» **TRY IT**: Which lines of the entries contain the string "direction"? Copy each of them.
#####
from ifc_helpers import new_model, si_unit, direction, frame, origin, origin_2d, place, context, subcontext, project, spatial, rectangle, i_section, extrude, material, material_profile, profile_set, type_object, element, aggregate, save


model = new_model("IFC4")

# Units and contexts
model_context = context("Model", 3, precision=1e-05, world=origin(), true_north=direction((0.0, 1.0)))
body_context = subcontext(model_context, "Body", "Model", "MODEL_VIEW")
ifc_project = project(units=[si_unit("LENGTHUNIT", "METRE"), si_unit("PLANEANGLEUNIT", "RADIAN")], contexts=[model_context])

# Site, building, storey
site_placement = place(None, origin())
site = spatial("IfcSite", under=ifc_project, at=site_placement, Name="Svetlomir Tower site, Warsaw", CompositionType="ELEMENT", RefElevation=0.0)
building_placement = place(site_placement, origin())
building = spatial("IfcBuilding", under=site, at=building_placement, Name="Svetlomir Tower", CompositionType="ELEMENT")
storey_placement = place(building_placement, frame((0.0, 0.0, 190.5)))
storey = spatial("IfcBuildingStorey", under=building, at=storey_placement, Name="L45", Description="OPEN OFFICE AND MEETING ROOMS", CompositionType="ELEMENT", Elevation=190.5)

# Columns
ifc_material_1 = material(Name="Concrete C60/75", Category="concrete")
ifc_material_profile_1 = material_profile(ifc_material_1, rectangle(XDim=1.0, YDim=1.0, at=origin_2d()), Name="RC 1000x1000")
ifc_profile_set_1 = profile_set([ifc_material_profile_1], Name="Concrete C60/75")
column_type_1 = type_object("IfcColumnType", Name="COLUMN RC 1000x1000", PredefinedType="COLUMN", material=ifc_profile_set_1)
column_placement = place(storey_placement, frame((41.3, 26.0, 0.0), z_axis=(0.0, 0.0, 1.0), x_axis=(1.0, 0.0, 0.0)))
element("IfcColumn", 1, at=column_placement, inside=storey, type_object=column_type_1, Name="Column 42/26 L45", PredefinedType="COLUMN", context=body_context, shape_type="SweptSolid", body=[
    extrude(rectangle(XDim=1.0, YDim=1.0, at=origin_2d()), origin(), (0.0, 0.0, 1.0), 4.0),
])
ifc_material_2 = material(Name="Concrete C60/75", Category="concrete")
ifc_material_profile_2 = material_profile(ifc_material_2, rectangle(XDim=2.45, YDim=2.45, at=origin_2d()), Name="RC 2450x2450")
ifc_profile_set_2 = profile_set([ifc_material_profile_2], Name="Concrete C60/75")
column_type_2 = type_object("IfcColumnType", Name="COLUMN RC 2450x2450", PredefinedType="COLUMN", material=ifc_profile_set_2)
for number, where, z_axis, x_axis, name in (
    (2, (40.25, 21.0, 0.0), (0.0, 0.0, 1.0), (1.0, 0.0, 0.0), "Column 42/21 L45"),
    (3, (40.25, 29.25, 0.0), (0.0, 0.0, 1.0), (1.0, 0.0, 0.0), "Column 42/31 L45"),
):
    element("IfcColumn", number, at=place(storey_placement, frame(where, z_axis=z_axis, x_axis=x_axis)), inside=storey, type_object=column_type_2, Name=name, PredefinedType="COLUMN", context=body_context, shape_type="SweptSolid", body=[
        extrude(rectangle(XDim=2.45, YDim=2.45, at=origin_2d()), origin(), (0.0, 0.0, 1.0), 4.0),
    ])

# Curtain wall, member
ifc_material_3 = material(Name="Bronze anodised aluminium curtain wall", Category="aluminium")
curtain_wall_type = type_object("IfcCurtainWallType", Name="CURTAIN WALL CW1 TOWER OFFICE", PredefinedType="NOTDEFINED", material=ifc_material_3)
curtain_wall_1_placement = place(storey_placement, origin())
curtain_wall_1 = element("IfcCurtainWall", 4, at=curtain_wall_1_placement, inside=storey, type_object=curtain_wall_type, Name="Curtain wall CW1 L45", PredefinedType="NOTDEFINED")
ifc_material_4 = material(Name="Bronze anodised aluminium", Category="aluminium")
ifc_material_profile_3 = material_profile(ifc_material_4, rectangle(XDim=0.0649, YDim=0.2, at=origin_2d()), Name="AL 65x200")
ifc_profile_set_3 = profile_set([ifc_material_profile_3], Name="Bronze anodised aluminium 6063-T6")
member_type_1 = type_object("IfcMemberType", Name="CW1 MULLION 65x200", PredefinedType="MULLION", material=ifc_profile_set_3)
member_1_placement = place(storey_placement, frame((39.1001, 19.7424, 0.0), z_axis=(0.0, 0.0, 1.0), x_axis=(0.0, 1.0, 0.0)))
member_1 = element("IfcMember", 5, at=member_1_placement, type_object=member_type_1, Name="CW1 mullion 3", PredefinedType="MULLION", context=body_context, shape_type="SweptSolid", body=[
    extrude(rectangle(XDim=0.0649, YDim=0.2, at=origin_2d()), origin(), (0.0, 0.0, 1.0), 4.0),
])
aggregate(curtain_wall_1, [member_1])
#####
» **RESPONSE TO THIS TASK**:
from ifc_helpers import new_model, si_unit, direction, frame, origin, origin_2d, place, context, subcontext, project, spatial, rectangle, i_section, extrude, material, material_profile, profile_set, type_object, element, aggregate, save
model_context = context("Model", 3, precision=1e-05, world=origin(), true_north=direction((0.0, 1.0)))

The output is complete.